Listed records START

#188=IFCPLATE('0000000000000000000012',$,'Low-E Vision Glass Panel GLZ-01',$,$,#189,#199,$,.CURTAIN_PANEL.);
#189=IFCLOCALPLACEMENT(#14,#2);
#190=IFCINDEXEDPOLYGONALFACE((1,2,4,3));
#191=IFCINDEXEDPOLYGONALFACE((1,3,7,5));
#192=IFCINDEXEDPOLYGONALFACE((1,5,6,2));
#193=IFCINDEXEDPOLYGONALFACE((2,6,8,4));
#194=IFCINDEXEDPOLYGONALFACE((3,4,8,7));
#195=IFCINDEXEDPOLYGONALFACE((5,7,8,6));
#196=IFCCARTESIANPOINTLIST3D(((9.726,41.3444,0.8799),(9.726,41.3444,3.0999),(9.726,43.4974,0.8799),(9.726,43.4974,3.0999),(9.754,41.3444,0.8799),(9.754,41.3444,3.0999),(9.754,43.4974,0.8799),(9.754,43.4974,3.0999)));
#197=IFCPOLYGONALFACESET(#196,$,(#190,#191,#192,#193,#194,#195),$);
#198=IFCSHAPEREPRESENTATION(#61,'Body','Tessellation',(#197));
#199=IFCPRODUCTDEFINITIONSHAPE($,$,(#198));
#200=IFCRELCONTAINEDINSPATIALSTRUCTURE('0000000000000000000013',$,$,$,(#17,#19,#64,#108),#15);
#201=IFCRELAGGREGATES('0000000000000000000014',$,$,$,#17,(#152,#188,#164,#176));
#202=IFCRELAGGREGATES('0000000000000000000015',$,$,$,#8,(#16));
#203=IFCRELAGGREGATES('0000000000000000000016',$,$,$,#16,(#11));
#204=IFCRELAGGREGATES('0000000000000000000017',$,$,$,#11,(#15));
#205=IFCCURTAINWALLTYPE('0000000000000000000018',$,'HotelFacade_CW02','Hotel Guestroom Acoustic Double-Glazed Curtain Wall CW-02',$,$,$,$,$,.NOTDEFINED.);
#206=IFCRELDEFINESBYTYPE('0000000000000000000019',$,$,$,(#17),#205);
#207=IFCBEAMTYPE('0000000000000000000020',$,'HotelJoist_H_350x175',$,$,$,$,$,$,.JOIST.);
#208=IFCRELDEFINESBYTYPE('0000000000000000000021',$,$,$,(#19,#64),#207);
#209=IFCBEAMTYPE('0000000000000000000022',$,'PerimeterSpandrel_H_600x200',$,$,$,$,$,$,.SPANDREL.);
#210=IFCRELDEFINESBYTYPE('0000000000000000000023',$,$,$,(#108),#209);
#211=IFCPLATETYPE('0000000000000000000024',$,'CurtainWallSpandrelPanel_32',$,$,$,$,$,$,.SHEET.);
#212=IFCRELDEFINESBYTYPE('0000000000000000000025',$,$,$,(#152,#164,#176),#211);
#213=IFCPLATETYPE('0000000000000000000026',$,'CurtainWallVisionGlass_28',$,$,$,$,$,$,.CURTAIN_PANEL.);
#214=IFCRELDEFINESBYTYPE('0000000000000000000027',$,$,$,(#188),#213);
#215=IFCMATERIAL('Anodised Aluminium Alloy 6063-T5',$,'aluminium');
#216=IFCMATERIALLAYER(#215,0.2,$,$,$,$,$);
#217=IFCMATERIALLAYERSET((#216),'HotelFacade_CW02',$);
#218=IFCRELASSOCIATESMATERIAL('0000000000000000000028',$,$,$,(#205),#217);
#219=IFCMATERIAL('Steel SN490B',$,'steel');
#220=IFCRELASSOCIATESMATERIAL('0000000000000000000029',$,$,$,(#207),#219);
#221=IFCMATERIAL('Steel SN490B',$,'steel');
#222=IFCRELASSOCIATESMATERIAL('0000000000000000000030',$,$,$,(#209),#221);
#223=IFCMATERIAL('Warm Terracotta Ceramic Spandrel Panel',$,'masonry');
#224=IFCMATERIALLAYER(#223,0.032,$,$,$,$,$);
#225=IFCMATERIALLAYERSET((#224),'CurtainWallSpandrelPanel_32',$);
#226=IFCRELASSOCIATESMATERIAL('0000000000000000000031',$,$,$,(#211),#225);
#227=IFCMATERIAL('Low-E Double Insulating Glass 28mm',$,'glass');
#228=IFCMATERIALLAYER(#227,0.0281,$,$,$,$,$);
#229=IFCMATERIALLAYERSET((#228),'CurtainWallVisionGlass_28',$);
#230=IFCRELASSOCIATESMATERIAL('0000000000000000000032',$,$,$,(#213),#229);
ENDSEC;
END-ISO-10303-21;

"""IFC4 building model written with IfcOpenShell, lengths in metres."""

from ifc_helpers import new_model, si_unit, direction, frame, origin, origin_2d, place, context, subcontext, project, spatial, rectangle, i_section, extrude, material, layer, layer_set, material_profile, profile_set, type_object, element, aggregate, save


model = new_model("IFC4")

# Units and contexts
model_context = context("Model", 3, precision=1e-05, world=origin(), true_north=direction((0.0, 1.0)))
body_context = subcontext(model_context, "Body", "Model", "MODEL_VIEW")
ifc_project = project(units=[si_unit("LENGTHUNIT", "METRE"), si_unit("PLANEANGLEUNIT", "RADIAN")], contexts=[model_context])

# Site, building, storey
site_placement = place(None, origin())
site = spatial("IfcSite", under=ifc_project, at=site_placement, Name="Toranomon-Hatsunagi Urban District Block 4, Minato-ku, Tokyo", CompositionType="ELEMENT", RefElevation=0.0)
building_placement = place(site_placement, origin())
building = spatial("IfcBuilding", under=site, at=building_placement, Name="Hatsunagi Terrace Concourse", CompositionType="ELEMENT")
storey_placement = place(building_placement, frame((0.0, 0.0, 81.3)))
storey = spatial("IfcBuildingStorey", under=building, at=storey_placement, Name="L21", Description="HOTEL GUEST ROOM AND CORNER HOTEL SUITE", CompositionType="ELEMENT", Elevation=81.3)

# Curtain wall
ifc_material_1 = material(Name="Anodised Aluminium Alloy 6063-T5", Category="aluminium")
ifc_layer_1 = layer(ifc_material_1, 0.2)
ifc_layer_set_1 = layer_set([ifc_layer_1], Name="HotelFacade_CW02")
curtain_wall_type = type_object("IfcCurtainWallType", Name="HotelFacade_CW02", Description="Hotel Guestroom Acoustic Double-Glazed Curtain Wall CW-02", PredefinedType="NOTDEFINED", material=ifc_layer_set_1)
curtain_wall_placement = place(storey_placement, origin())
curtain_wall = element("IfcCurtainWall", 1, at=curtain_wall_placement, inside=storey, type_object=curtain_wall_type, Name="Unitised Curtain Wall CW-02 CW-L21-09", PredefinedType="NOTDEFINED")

Listed records END

**Work request:**
From the entries above, show each line that includes the string "subcontext".

**Exercise result:**
from ifc_helpers import new_model, si_unit, direction, frame, origin, origin_2d, place, context, subcontext, project, spatial, rectangle, i_section, extrude, material, layer, layer_set, material_profile, profile_set, type_object, element, aggregate, save
body_context = subcontext(model_context, "Body", "Model", "MODEL_VIEW")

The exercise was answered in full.